[Material for this exercise Boundary: Start]

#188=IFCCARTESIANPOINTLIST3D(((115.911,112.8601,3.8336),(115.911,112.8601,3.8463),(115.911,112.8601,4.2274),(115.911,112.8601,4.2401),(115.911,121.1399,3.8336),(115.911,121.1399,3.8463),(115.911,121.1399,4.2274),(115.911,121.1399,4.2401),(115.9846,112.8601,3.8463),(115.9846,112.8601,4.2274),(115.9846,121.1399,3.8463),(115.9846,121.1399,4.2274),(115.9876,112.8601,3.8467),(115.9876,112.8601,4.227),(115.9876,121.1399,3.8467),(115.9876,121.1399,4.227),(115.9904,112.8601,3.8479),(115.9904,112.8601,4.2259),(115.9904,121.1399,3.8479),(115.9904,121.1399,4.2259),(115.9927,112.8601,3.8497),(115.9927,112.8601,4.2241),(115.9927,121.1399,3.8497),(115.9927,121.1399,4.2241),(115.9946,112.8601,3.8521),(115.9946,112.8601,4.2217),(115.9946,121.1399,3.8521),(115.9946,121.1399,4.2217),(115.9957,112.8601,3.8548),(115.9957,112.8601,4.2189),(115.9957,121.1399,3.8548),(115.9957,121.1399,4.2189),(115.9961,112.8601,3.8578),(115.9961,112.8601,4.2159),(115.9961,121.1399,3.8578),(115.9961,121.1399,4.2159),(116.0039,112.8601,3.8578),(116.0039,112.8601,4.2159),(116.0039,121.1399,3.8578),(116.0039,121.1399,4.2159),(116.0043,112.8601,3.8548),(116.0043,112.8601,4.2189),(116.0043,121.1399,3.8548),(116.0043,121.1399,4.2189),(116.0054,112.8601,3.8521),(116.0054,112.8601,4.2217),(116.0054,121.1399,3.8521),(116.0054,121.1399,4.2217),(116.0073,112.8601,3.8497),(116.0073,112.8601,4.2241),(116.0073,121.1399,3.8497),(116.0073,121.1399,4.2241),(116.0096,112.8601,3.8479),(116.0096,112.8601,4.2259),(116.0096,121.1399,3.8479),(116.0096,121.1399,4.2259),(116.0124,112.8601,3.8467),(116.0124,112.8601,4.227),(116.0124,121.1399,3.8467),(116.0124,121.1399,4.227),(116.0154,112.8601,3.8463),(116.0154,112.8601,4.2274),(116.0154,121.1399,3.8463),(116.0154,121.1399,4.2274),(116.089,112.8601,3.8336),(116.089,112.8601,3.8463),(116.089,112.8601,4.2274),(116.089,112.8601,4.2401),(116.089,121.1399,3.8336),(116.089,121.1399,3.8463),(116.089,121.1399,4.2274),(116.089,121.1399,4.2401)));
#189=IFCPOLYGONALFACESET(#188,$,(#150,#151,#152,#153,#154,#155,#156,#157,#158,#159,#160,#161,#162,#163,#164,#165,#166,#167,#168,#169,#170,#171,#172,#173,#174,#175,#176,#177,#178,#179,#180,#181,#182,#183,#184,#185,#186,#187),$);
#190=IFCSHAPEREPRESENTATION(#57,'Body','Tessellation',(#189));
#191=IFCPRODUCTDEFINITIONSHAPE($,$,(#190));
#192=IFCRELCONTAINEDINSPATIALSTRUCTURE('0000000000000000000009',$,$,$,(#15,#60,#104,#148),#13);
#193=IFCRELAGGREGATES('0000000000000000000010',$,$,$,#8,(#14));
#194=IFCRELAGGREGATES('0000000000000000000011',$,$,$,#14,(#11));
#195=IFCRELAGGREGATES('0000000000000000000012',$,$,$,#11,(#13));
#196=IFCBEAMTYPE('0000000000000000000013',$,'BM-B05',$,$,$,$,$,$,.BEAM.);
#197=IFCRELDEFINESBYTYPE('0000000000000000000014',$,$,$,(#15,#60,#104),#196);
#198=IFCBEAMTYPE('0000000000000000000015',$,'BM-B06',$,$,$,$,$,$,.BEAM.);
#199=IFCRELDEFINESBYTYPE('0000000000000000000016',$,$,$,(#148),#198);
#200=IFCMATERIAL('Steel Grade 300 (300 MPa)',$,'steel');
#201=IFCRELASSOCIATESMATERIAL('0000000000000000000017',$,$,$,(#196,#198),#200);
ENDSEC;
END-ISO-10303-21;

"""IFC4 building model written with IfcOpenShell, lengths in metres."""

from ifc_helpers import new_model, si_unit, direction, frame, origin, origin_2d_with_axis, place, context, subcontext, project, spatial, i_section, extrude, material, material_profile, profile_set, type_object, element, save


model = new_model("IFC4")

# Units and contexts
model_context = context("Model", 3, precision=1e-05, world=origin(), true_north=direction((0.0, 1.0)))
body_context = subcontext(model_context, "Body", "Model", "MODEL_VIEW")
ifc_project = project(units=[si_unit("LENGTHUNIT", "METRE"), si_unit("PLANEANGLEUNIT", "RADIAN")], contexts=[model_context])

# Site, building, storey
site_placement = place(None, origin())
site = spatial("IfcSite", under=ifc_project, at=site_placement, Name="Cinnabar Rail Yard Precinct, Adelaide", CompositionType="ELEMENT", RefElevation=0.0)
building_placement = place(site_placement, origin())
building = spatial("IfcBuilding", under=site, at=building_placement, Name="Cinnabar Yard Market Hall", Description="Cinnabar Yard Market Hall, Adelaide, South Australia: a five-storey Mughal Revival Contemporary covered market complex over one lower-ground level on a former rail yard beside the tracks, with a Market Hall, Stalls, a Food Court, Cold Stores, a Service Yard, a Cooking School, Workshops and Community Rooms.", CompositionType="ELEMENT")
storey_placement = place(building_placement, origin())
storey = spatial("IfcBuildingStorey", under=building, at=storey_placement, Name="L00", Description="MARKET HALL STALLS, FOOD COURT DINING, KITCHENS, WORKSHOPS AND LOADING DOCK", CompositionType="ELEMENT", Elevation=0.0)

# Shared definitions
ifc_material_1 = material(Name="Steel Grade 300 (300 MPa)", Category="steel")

[Material for this exercise Boundary: End]

**Task prompt:** In the listing above, find the line with "#193=IFCRELAGGREGATES('0000000000000000000010',$,$,$,#8,(#14));" and the line with "site_placement = place(None, origin())", then print exactly those lines and every line between them.

**Exercise solution:**
#193=IFCRELAGGREGATES('0000000000000000000010',$,$,$,#8,(#14));
#194=IFCRELAGGREGATES('0000000000000000000011',$,$,$,#14,(#11));
#195=IFCRELAGGREGATES('0000000000000000000012',$,$,$,#11,(#13));
#196=IFCBEAMTYPE('0000000000000000000013',$,'BM-B05',$,$,$,$,$,$,.BEAM.);
#197=IFCRELDEFINESBYTYPE('0000000000000000000014',$,$,$,(#15,#60,#104),#196);
#198=IFCBEAMTYPE('0000000000000000000015',$,'BM-B06',$,$,$,$,$,$,.BEAM.);
#199=IFCRELDEFINESBYTYPE('0000000000000000000016',$,$,$,(#148),#198);
#200=IFCMATERIAL('Steel Grade 300 (300 MPa)',$,'steel');
#201=IFCRELASSOCIATESMATERIAL('0000000000000000000017',$,$,$,(#196,#198),#200);
ENDSEC;
END-ISO-10303-21;

"""IFC4 building model written with IfcOpenShell, lengths in metres."""

from ifc_helpers import new_model, si_unit, direction, frame, origin, origin_2d_with_axis, place, context, subcontext, project, spatial, i_section, extrude, material, material_profile, profile_set, type_object, element, save


model = new_model("IFC4")

# Units and contexts
model_context = context("Model", 3, precision=1e-05, world=origin(), true_north=direction((0.0, 1.0)))
body_context = subcontext(model_context, "Body", "Model", "MODEL_VIEW")
ifc_project = project(units=[si_unit("LENGTHUNIT", "METRE"), si_unit("PLANEANGLEUNIT", "RADIAN")], contexts=[model_context])

# Site, building, storey
site_placement = place(None, origin())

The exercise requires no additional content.